● Data provided:
%%

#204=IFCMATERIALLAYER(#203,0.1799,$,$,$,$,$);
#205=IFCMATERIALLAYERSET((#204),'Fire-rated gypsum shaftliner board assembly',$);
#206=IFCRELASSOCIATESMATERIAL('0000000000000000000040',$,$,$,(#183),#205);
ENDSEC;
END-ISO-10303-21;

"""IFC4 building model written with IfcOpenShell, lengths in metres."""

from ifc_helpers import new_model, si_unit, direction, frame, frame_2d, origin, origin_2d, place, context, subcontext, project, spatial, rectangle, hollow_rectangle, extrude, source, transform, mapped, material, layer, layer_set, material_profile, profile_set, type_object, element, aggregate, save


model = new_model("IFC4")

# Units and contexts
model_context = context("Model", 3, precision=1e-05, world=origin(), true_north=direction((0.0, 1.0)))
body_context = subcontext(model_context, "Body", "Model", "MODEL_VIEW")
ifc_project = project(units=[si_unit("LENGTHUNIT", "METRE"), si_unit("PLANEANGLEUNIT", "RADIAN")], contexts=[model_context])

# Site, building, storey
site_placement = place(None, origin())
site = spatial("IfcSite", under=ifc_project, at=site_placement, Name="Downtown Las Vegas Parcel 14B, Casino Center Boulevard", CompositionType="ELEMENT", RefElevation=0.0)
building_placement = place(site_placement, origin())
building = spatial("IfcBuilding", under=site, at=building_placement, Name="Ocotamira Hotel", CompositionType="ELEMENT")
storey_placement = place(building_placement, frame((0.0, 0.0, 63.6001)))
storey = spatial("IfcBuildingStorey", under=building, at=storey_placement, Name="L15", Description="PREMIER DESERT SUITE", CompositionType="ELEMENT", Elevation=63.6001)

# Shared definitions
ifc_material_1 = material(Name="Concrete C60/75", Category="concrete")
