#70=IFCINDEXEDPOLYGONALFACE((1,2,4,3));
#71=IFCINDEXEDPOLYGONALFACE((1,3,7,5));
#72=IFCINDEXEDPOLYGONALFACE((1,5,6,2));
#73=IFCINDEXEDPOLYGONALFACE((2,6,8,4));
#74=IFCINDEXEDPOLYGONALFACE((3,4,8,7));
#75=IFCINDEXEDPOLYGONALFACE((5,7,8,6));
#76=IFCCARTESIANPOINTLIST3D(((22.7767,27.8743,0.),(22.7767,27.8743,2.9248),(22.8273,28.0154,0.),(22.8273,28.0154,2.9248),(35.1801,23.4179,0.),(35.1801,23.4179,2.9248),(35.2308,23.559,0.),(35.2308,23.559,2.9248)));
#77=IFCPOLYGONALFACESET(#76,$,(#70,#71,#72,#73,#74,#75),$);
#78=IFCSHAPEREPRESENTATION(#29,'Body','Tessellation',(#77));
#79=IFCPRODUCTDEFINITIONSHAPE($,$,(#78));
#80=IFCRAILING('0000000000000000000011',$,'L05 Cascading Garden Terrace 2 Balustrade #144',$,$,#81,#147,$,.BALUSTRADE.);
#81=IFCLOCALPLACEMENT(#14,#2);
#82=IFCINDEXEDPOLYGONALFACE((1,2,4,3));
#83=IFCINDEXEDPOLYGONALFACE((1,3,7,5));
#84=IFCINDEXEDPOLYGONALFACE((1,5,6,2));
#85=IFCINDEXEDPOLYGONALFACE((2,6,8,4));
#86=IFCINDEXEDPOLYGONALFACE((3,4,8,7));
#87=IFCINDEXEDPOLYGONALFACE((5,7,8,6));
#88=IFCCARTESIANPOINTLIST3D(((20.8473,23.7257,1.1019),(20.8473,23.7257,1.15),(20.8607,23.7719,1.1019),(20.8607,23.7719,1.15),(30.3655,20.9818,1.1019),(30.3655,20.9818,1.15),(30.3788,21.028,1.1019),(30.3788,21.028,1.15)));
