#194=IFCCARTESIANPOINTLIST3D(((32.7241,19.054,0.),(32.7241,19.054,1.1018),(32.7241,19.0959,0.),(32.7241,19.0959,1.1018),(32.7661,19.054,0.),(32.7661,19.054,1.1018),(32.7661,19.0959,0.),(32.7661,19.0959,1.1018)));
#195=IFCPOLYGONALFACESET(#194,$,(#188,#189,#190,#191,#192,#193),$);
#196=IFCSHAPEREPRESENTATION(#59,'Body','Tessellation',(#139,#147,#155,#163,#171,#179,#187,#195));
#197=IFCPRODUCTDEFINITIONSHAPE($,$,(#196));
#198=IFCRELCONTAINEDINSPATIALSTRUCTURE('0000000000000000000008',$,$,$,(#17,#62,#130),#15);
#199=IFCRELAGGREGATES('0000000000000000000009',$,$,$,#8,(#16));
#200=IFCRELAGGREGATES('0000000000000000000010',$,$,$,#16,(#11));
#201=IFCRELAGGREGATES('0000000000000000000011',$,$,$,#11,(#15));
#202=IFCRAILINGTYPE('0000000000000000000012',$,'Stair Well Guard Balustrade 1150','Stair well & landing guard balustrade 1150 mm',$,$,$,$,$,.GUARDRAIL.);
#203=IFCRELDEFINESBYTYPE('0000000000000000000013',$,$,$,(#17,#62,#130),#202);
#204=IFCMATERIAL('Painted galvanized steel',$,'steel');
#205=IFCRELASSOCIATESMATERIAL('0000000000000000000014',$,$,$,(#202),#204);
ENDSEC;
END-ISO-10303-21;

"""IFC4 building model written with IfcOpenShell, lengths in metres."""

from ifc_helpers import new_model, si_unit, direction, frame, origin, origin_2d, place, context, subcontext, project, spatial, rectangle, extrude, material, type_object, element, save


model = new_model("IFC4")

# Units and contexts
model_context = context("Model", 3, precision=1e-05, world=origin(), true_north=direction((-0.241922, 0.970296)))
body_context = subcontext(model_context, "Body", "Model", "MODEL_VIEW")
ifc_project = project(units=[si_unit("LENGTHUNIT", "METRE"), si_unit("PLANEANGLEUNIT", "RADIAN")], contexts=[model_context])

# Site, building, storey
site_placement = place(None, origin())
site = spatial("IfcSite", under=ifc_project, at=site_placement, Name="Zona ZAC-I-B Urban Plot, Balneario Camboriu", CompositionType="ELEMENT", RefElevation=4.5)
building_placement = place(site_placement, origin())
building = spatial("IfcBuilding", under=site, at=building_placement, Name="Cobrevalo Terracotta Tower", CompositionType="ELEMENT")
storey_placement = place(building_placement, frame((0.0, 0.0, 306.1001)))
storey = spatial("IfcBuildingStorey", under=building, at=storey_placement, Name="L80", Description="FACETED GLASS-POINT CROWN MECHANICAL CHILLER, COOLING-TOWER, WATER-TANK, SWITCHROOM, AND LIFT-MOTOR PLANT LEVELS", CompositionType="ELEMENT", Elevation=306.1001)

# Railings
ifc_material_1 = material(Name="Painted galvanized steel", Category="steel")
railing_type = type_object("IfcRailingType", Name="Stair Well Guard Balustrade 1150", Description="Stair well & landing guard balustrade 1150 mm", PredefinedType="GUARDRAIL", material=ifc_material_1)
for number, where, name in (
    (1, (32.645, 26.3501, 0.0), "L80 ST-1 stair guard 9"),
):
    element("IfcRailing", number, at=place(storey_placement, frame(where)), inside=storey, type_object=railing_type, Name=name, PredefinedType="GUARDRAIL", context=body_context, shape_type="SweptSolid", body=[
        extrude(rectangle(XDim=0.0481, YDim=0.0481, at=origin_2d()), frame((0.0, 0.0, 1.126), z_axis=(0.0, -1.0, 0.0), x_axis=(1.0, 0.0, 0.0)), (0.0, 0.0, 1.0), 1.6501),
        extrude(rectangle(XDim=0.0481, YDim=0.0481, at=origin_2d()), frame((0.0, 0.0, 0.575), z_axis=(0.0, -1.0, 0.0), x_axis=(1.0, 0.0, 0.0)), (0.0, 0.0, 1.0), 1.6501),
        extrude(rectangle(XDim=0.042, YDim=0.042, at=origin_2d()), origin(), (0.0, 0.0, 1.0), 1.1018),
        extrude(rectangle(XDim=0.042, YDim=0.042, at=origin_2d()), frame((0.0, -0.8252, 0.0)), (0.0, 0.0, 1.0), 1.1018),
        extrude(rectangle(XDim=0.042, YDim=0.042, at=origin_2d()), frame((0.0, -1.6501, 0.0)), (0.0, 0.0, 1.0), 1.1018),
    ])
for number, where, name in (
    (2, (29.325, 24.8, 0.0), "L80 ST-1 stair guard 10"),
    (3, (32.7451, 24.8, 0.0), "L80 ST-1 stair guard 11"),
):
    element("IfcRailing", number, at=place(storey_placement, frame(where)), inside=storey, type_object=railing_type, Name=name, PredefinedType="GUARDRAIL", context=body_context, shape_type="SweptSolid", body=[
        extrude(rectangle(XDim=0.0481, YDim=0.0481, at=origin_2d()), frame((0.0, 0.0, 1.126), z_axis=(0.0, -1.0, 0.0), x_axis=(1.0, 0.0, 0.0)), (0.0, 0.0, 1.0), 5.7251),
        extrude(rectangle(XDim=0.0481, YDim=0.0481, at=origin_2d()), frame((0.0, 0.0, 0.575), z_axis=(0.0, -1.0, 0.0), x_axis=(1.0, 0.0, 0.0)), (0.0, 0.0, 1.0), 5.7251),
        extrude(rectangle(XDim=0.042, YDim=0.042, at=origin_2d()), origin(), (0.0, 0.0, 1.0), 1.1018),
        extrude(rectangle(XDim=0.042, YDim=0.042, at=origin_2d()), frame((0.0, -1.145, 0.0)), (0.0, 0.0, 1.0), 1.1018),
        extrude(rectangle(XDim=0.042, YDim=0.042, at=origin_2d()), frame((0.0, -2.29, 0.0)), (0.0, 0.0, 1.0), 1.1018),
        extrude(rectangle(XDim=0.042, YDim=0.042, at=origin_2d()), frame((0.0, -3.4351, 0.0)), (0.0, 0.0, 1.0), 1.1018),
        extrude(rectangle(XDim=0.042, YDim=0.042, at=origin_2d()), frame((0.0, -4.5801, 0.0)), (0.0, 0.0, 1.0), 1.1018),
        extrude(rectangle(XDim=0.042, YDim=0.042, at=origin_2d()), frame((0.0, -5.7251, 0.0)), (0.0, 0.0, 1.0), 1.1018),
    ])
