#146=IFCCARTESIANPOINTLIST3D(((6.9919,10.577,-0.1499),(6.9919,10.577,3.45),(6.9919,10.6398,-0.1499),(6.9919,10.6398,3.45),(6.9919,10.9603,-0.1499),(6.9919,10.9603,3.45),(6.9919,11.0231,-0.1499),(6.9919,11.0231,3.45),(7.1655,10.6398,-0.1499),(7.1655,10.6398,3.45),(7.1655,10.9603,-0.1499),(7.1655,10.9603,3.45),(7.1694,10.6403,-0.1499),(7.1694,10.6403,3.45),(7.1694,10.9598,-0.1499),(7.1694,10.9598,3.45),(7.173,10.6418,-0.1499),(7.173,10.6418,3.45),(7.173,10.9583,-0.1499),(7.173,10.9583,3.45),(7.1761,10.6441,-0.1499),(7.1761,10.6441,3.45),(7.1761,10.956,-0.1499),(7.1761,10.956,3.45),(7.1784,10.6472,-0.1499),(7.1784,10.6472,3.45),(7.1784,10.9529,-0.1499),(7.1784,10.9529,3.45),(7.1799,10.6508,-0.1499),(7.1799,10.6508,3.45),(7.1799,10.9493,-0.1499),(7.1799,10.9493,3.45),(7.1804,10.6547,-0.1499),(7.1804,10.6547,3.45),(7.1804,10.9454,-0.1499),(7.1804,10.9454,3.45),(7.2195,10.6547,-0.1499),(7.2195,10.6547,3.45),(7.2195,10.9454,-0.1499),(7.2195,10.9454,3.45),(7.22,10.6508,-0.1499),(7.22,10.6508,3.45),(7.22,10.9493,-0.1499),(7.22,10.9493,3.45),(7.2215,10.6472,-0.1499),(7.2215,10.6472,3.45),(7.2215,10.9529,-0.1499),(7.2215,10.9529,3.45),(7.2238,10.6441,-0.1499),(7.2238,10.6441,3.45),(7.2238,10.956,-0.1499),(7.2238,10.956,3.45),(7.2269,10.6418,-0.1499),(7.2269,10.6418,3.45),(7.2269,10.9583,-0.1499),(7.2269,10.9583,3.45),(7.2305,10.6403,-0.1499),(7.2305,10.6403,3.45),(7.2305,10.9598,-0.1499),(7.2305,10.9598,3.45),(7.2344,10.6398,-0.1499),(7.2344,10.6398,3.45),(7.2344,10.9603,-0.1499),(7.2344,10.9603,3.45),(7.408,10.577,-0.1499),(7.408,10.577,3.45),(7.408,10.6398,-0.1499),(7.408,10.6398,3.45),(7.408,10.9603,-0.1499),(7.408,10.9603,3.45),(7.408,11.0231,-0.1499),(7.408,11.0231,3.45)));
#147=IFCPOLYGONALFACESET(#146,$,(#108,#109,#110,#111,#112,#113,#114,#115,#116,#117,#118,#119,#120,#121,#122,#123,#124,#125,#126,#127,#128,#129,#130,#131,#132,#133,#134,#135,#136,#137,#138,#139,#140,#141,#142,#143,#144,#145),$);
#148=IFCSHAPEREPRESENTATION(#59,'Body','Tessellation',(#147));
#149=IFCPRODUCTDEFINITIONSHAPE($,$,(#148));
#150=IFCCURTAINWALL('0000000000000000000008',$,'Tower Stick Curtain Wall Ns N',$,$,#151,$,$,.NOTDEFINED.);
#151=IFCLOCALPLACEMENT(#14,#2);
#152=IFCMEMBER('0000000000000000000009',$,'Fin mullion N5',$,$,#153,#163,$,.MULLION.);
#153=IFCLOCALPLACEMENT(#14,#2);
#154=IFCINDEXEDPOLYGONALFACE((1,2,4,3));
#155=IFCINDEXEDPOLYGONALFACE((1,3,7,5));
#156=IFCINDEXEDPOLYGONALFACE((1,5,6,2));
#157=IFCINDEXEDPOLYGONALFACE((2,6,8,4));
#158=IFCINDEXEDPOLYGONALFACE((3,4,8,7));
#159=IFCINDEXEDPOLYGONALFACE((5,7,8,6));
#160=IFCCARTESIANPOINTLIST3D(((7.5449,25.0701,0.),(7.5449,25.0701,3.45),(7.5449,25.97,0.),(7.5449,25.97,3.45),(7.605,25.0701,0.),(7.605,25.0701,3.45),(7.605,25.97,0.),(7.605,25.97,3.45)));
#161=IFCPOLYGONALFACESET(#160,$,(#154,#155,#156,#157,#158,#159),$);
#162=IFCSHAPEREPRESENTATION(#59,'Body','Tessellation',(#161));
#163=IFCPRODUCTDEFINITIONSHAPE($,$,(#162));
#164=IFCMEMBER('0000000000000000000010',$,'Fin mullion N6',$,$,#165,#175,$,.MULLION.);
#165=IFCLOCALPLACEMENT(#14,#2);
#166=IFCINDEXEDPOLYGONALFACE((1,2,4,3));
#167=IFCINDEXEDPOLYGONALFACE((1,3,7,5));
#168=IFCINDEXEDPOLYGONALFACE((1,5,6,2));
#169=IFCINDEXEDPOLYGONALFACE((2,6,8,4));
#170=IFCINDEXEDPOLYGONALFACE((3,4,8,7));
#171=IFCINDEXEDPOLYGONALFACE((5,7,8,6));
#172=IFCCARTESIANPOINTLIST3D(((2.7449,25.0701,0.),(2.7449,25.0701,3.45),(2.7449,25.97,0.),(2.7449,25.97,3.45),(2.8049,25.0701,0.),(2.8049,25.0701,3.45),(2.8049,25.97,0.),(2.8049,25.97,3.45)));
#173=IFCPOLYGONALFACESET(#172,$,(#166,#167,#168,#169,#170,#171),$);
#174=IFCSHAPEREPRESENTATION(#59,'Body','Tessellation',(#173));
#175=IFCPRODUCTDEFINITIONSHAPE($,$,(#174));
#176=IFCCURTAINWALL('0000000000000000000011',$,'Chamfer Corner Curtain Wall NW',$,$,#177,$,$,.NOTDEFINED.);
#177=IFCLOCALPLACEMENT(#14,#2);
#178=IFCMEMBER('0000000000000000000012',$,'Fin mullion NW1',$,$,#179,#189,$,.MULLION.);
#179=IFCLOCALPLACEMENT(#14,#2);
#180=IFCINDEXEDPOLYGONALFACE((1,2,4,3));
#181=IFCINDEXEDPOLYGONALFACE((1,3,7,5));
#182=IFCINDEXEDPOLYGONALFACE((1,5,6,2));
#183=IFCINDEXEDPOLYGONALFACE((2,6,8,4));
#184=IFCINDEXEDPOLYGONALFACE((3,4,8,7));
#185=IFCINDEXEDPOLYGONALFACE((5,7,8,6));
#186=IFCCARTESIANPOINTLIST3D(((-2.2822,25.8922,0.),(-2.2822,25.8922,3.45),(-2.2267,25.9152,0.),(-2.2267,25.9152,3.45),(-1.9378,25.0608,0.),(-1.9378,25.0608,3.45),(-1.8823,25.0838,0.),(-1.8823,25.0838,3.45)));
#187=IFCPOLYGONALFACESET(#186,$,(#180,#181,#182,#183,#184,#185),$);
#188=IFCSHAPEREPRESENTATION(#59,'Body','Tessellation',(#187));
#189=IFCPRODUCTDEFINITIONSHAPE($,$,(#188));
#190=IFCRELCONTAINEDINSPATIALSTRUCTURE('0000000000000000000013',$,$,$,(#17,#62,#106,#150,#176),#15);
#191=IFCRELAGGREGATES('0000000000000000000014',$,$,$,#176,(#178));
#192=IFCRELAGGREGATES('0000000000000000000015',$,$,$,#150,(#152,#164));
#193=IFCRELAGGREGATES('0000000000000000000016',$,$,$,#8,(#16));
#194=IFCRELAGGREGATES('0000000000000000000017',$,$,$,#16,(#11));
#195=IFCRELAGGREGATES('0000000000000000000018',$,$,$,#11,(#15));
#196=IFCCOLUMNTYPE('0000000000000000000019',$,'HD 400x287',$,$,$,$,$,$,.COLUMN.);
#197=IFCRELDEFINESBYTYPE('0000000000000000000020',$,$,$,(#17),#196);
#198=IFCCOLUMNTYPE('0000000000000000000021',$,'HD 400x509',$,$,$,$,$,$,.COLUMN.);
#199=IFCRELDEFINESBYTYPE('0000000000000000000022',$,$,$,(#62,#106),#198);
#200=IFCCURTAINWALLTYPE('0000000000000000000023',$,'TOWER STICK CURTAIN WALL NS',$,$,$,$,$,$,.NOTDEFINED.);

%%

● Task details: Please output exactly the lines between the one holding "#201=IFCRELAGGREGATES('0000000000000000000011',$,$,$,#11,(#15));" and the one holding "Urban Plot, Balneario" in the records above, inclusive, and nothing more.

● Solution for this task:
#201=IFCRELAGGREGATES('0000000000000000000011',$,$,$,#11,(#15));
#202=IFCRAILINGTYPE('0000000000000000000012',$,'Stair Well Guard Balustrade 1150','Stair well & landing guard balustrade 1150 mm',$,$,$,$,$,.GUARDRAIL.);
#203=IFCRELDEFINESBYTYPE('0000000000000000000013',$,$,$,(#17,#62,#130),#202);
#204=IFCMATERIAL('Painted galvanized steel',$,'steel');
#205=IFCRELASSOCIATESMATERIAL('0000000000000000000014',$,$,$,(#202),#204);
ENDSEC;
END-ISO-10303-21;

"""IFC4 building model written with IfcOpenShell, lengths in metres."""

from ifc_helpers import new_model, si_unit, direction, frame, origin, origin_2d, place, context, subcontext, project, spatial, rectangle, extrude, material, type_object, element, save


model = new_model("IFC4")

# Units and contexts
model_context = context("Model", 3, precision=1e-05, world=origin(), true_north=direction((-0.241922, 0.970296)))
body_context = subcontext(model_context, "Body", "Model", "MODEL_VIEW")
ifc_project = project(units=[si_unit("LENGTHUNIT", "METRE"), si_unit("PLANEANGLEUNIT", "RADIAN")], contexts=[model_context])

# Site, building, storey
site_placement = place(None, origin())
site = spatial("IfcSite", under=ifc_project, at=site_placement, Name="Zona ZAC-I-B Urban Plot, Balneario Camboriu", CompositionType="ELEMENT", RefElevation=4.5)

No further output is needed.